THE PROBLEM: After locating the line that contains "#119=IFCINDEXEDPOLYGONALFACE((6,8,12,10));" in the data below, set down exactly that line and each one after it through the line that contains "#121=IFCINDEXEDPOLYGONALFACE((13,15,16,14));", and nothing more.

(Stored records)
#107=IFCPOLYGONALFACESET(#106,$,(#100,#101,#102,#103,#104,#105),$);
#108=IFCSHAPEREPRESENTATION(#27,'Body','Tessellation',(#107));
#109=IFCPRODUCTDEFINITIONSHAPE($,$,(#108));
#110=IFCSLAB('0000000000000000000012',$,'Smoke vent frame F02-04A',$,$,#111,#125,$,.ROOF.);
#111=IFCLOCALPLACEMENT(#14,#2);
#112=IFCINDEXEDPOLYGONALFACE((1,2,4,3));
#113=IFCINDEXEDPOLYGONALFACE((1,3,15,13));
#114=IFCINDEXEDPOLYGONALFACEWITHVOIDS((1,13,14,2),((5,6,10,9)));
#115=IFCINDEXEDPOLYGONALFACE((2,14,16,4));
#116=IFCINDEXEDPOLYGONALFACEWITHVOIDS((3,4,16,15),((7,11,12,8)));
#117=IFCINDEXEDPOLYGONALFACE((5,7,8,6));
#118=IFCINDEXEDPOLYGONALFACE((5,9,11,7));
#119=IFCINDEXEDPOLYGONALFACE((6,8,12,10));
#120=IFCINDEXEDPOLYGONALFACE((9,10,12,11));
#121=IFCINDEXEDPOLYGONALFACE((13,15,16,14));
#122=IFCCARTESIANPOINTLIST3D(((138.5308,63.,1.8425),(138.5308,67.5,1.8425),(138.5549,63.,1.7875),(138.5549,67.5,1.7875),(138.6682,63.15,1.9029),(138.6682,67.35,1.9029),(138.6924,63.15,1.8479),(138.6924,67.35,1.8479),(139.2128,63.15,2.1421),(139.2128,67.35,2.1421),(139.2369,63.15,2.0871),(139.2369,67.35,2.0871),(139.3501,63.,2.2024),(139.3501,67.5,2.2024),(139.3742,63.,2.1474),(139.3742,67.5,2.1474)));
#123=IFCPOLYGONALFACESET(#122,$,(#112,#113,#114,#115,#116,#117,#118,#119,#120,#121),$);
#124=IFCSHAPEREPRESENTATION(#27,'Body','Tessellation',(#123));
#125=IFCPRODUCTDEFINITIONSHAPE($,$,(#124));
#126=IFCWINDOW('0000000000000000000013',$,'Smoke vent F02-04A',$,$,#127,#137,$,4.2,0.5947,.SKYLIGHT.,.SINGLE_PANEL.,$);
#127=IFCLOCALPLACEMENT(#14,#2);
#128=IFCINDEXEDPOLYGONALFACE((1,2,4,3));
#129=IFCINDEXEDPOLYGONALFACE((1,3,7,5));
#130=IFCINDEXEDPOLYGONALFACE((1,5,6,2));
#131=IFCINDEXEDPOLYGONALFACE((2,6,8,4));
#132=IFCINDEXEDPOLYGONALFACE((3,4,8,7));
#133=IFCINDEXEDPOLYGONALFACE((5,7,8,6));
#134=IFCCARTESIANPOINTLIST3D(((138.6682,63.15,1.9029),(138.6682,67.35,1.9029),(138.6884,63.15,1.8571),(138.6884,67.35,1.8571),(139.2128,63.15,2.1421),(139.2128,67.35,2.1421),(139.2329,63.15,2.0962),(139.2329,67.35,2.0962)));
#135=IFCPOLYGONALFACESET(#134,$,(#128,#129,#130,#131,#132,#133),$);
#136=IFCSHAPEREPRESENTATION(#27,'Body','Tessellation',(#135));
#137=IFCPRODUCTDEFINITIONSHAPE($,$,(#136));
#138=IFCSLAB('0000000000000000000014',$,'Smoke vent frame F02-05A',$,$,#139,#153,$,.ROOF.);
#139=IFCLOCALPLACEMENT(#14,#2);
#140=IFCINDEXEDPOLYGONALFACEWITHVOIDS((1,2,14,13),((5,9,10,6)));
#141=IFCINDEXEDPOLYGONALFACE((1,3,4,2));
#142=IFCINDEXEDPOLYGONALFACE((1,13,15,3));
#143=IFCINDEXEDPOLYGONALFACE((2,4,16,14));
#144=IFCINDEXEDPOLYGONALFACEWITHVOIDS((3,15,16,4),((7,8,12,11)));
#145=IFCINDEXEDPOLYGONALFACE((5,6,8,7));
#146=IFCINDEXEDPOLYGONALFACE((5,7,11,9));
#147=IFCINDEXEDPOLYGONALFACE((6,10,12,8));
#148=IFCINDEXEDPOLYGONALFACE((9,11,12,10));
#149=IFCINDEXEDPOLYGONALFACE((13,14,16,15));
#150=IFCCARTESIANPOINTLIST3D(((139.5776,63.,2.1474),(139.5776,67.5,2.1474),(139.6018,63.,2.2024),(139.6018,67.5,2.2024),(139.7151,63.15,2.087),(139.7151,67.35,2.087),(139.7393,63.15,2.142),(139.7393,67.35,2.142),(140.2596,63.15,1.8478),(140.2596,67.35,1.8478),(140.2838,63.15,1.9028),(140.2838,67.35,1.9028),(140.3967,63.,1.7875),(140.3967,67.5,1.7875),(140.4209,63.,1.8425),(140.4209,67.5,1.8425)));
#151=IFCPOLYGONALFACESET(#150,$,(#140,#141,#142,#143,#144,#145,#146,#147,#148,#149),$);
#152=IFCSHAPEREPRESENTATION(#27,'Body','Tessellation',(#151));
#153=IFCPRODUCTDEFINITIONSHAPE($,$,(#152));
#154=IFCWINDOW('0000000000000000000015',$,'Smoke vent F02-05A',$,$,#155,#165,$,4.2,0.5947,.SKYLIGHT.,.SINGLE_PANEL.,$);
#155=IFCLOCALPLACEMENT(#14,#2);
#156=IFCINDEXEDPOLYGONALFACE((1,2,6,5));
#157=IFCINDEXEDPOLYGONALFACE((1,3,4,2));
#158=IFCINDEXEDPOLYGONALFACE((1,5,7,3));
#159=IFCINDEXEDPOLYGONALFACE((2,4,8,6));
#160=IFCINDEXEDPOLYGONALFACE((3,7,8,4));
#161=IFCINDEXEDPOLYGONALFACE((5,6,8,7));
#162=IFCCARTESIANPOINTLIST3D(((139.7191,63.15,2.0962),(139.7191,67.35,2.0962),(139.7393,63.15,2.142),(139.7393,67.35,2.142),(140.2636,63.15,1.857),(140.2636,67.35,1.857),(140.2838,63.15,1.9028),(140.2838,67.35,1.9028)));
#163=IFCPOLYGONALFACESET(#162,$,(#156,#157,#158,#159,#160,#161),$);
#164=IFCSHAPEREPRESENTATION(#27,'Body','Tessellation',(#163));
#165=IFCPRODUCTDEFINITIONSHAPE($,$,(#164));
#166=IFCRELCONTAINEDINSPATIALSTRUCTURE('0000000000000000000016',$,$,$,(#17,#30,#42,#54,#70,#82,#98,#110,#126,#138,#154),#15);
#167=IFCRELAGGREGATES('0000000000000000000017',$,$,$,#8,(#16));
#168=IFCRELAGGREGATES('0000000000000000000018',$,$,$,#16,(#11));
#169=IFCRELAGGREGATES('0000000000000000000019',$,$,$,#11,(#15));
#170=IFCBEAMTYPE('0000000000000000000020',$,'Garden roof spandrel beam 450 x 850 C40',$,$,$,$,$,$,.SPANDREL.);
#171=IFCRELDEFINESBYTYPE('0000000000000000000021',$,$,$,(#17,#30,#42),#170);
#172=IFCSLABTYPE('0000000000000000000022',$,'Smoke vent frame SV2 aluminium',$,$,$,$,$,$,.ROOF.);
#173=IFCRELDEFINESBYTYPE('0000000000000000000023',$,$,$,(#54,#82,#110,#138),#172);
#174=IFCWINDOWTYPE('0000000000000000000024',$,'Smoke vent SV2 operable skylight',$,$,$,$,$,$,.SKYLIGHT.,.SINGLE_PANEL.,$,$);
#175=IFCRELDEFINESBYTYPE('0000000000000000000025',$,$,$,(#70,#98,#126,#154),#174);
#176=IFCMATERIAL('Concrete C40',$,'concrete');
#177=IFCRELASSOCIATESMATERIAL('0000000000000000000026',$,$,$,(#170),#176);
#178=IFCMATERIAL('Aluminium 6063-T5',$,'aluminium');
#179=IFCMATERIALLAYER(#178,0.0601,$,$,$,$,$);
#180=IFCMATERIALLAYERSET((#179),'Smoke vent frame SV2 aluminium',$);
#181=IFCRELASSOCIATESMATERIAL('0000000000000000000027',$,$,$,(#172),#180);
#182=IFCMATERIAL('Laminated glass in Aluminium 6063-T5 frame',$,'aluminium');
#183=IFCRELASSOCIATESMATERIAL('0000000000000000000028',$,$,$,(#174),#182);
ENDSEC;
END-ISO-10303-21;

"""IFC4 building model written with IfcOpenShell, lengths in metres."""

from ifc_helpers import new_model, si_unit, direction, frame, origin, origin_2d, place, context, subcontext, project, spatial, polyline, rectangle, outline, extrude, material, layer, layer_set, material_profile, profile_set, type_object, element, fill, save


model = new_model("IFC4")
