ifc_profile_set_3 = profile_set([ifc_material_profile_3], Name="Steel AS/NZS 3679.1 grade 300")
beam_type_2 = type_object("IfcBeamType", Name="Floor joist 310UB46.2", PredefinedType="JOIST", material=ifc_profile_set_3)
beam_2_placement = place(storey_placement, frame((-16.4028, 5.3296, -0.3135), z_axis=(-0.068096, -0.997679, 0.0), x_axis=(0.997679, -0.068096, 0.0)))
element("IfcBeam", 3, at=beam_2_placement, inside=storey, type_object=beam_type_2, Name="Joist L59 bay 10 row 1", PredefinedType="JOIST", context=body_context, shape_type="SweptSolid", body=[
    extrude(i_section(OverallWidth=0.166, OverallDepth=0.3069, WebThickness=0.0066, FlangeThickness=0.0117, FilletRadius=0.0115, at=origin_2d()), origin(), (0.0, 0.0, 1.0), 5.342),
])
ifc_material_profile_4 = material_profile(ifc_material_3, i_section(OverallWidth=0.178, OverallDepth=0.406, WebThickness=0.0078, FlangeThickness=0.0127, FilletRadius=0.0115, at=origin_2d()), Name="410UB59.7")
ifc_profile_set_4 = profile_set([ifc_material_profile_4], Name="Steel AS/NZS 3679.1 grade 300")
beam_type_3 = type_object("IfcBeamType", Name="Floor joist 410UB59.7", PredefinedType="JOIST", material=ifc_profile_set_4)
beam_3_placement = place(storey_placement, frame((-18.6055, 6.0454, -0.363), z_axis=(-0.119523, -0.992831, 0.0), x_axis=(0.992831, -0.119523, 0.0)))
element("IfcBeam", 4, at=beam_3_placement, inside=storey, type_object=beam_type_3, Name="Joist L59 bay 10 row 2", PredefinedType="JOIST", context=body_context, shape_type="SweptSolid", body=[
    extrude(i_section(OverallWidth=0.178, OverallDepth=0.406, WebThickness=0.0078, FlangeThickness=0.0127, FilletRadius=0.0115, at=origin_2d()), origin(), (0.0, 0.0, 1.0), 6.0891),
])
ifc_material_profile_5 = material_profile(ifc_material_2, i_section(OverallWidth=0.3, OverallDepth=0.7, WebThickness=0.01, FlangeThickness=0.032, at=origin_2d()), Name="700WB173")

TASK OUTPUT:
#119=IFCINDEXEDPOLYGONALFACE((6,8,12,10));
#120=IFCINDEXEDPOLYGONALFACE((9,10,12,11));
#121=IFCINDEXEDPOLYGONALFACE((13,15,16,14));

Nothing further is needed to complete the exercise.